Stored data:
- Opening Delimiter -
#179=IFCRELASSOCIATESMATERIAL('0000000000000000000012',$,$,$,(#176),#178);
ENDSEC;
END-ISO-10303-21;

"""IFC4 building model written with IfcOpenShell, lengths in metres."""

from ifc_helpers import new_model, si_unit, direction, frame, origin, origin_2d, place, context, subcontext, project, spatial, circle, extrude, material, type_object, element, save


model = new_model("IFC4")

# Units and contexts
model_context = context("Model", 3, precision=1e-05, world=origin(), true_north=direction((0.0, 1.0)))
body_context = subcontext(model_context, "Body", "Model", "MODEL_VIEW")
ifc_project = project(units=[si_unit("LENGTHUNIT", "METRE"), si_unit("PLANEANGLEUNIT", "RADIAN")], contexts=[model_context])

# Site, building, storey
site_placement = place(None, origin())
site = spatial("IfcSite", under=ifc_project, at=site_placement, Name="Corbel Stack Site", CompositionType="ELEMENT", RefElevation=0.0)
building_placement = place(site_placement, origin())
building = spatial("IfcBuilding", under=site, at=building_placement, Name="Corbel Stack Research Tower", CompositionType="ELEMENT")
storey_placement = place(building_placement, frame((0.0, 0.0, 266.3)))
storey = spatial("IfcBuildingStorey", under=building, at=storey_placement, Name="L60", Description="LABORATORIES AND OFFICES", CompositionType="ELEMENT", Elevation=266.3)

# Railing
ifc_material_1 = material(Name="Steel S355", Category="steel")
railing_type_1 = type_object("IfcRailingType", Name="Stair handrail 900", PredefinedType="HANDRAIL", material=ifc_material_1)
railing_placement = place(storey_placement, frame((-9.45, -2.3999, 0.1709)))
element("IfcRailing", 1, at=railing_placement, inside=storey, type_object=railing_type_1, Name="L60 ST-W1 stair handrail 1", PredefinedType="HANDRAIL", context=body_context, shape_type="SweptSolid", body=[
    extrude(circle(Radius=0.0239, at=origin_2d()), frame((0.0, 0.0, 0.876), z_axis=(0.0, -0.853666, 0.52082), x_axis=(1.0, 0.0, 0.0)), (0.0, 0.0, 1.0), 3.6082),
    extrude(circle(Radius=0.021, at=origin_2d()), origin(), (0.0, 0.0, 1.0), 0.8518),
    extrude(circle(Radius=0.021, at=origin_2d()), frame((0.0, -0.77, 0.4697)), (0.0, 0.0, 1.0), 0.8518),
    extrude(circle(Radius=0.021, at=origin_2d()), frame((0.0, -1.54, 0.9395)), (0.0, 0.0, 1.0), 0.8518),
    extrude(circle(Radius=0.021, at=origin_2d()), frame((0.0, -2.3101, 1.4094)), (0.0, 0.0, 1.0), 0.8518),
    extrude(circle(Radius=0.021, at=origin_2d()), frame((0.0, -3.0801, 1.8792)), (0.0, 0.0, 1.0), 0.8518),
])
- Closing Delimiter -
- Opening Delimiter -
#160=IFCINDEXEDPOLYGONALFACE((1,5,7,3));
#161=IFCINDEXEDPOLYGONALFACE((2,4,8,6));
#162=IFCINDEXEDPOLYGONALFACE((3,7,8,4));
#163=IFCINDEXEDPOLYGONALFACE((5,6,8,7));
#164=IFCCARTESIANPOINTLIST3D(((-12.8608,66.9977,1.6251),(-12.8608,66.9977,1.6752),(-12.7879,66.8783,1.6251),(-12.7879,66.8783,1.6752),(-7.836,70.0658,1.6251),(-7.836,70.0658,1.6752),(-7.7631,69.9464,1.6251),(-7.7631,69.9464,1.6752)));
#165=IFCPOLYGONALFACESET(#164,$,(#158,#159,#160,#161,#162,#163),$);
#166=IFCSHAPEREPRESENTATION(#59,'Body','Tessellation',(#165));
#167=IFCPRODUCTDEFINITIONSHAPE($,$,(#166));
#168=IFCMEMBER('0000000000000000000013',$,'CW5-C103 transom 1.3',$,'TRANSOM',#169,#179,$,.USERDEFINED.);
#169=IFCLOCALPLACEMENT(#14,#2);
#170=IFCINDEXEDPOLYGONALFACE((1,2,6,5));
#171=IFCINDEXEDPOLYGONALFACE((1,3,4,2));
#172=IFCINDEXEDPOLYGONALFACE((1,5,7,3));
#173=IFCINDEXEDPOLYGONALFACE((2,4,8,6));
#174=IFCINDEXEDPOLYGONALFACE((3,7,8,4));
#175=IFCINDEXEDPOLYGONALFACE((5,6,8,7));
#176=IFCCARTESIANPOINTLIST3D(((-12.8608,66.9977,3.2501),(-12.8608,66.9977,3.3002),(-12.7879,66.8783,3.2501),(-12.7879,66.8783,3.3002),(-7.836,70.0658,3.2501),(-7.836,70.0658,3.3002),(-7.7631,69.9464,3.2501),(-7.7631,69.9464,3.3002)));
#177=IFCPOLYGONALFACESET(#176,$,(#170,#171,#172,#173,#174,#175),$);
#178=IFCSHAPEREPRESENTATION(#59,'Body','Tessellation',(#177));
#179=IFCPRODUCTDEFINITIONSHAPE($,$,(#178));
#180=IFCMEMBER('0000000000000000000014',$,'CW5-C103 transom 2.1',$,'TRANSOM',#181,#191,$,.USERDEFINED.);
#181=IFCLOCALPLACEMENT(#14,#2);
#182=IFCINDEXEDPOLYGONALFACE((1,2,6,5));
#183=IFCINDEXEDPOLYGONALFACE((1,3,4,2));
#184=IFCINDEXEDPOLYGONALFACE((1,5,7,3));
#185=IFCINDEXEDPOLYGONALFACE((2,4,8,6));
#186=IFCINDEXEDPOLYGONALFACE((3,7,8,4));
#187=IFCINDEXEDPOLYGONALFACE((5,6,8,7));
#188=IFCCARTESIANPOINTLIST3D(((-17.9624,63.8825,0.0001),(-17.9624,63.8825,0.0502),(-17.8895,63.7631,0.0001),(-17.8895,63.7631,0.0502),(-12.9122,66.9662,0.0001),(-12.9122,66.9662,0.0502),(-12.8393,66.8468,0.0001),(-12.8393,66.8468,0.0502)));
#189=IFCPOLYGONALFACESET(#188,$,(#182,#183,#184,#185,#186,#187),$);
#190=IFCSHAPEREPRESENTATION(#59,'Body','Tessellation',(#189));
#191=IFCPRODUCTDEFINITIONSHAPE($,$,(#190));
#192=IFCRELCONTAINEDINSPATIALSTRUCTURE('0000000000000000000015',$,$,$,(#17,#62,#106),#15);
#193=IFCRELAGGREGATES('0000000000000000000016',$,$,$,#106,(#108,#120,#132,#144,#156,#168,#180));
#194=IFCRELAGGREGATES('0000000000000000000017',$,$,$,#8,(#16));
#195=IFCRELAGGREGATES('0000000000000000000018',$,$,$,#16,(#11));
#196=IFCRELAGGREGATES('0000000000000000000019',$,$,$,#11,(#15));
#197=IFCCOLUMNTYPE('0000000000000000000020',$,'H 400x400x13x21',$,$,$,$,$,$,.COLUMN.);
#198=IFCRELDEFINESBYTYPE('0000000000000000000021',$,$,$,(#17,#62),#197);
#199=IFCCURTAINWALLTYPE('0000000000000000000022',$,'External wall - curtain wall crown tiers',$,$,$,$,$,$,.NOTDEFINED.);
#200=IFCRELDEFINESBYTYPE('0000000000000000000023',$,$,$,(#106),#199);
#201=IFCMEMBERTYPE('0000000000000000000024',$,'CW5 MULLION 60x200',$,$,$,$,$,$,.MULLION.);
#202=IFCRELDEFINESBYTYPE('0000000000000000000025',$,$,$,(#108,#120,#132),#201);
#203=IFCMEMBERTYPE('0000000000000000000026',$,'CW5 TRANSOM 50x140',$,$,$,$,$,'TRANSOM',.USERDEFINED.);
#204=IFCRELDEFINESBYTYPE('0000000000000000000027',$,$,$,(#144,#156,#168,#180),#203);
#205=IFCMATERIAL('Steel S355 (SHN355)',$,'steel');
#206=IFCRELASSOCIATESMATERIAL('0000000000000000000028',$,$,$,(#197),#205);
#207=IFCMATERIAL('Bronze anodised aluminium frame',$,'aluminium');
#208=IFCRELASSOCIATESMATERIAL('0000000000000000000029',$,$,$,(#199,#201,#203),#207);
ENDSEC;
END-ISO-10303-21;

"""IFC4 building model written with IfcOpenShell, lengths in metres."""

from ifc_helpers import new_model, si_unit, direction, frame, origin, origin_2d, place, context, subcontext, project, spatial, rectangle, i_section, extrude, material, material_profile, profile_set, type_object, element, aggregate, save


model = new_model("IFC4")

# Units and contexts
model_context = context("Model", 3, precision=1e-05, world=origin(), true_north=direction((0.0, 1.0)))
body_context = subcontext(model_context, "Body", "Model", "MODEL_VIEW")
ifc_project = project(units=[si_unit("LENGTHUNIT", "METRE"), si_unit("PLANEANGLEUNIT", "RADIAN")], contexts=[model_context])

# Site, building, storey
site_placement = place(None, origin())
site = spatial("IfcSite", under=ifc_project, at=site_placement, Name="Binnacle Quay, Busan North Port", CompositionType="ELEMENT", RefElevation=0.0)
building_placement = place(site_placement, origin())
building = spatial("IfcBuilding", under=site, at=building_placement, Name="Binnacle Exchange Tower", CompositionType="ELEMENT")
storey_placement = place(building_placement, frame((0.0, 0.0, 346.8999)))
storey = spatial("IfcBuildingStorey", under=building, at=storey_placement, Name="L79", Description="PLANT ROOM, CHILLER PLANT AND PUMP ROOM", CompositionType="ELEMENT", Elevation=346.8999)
- Closing Delimiter -
- Opening Delimiter -
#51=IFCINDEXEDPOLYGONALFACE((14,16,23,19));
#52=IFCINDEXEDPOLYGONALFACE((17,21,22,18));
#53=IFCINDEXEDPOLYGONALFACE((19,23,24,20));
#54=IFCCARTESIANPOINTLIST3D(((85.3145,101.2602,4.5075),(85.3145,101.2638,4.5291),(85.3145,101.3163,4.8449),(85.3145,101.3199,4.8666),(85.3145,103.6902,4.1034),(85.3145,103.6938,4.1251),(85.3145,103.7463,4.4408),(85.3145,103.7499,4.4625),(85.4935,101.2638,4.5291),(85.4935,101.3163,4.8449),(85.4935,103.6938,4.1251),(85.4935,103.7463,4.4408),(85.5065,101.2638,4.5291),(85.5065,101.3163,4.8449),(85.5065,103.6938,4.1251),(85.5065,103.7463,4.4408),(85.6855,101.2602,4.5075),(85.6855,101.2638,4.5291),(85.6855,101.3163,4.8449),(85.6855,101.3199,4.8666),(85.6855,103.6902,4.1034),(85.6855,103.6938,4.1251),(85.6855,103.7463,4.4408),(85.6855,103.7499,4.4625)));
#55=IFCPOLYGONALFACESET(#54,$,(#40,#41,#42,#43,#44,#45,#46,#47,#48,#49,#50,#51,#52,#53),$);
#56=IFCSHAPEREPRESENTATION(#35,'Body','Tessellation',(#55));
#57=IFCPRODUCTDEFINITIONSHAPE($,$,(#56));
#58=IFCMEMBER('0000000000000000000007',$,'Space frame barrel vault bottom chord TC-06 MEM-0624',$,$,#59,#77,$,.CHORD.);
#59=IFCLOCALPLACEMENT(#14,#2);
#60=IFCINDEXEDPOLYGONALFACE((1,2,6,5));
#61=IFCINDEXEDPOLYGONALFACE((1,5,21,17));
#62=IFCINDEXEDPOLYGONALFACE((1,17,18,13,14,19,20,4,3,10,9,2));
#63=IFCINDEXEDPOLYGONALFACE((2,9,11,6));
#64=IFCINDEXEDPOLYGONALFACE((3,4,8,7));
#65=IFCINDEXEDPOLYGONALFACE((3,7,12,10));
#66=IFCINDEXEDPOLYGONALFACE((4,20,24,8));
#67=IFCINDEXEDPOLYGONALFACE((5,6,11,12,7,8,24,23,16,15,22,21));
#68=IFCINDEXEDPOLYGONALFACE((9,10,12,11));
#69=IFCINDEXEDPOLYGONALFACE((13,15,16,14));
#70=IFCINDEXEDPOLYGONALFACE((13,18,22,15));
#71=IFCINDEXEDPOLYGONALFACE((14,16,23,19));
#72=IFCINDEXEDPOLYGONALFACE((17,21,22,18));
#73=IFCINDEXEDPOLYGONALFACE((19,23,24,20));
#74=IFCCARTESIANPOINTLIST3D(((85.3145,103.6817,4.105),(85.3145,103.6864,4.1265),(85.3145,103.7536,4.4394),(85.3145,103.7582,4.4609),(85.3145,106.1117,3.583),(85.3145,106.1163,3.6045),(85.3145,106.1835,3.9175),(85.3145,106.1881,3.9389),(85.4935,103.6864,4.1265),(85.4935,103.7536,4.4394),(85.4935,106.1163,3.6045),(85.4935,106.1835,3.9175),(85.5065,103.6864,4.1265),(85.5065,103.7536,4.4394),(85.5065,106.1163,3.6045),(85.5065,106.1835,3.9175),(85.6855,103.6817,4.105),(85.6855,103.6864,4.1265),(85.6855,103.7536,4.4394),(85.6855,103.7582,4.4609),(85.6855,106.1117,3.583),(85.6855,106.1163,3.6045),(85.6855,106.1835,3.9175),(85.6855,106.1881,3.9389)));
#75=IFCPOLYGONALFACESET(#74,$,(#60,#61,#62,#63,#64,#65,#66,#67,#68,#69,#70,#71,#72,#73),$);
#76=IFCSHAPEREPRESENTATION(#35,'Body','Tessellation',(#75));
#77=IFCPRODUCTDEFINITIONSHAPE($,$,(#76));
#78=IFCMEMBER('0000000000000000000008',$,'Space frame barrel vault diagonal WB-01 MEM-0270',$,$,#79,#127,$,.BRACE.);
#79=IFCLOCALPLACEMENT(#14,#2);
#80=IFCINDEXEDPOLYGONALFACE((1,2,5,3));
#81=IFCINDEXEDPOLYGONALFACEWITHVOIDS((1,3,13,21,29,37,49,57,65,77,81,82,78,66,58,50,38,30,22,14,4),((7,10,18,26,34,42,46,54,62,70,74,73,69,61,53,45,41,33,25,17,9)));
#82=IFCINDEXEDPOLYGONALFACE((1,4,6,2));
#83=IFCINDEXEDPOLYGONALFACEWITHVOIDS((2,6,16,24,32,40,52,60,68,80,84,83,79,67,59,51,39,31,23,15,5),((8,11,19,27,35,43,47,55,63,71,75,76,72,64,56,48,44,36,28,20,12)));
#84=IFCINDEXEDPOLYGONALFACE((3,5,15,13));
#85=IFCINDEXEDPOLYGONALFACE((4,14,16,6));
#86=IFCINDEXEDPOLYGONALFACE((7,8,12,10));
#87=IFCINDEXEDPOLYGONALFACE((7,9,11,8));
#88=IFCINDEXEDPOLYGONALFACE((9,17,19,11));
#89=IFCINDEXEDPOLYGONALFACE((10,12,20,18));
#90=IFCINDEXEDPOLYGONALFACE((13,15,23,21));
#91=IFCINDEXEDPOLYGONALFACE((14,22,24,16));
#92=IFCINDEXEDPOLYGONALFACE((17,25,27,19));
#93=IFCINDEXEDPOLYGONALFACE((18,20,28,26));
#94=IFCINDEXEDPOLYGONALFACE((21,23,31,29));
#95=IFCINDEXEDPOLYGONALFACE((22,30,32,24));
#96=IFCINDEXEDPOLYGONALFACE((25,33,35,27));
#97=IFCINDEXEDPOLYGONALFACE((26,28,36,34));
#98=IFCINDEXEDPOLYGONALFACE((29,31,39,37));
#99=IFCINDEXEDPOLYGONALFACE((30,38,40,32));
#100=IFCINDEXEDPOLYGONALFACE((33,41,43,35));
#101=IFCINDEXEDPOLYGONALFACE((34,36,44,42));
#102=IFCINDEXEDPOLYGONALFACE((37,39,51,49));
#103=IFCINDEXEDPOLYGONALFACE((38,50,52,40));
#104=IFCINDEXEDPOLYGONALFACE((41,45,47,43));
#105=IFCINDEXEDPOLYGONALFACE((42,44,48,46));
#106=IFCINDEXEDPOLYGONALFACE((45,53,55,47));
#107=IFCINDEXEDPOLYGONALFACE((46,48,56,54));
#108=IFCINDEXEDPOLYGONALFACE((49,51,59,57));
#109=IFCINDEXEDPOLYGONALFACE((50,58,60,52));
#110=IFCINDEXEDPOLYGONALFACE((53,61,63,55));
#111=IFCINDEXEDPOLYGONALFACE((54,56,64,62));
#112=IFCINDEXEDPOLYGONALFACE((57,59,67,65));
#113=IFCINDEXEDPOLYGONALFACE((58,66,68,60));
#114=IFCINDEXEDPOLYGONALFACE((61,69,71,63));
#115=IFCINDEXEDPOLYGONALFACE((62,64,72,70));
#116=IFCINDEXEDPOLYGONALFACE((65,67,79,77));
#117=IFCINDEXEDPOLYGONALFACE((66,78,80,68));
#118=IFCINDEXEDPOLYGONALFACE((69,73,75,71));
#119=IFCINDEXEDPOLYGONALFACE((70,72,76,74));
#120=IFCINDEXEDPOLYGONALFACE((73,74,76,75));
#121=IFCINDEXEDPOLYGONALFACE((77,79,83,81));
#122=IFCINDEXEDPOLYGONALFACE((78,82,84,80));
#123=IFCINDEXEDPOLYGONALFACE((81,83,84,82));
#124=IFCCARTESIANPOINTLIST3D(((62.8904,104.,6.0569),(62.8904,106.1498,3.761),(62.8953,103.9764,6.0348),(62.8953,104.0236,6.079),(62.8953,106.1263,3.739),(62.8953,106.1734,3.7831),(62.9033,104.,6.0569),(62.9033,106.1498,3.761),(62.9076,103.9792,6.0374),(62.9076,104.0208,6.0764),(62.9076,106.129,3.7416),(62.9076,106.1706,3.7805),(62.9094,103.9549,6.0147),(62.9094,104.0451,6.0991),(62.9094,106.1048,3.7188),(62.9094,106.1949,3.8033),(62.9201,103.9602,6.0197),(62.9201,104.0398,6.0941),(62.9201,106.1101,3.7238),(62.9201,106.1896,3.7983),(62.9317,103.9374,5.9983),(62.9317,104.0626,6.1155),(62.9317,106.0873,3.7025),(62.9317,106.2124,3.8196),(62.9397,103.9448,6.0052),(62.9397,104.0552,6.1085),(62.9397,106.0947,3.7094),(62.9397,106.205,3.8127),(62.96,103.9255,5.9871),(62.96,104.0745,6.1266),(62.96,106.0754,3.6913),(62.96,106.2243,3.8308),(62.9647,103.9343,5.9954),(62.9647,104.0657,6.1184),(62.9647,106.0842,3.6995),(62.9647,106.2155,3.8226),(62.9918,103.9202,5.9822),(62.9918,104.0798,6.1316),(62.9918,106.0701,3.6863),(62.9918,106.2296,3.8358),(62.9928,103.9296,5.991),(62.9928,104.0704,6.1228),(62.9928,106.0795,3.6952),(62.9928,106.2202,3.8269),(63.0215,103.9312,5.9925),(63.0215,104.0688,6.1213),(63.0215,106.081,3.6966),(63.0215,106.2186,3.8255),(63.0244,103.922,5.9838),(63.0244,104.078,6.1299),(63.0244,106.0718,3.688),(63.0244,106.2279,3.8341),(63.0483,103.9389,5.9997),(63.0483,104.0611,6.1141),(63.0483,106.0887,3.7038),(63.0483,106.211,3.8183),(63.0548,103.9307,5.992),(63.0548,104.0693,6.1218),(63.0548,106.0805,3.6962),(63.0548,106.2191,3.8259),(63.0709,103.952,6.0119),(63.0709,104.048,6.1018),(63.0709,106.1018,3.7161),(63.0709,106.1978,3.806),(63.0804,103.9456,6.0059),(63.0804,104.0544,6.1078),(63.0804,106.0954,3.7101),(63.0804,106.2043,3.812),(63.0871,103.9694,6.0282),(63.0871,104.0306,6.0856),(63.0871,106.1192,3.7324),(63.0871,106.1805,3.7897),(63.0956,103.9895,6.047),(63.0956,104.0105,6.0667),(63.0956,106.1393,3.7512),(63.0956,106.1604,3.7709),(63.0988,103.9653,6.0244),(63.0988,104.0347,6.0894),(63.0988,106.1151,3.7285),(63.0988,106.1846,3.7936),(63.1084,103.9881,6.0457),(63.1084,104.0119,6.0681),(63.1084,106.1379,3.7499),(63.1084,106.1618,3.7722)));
- Closing Delimiter -
WHAT IS BEING ASKED:
Give the exact lines, and only those, from the line containing "frame((-9.45, -2.3999, 0.1709)))" through the line containing "ST-W1 stair handrail" in the entries above.

PROBLEM SOLUTION:
railing_placement = place(storey_placement, frame((-9.45, -2.3999, 0.1709)))
element("IfcRailing", 1, at=railing_placement, inside=storey, type_object=railing_type_1, Name="L60 ST-W1 stair handrail 1", PredefinedType="HANDRAIL", context=body_context, shape_type="SweptSolid", body=[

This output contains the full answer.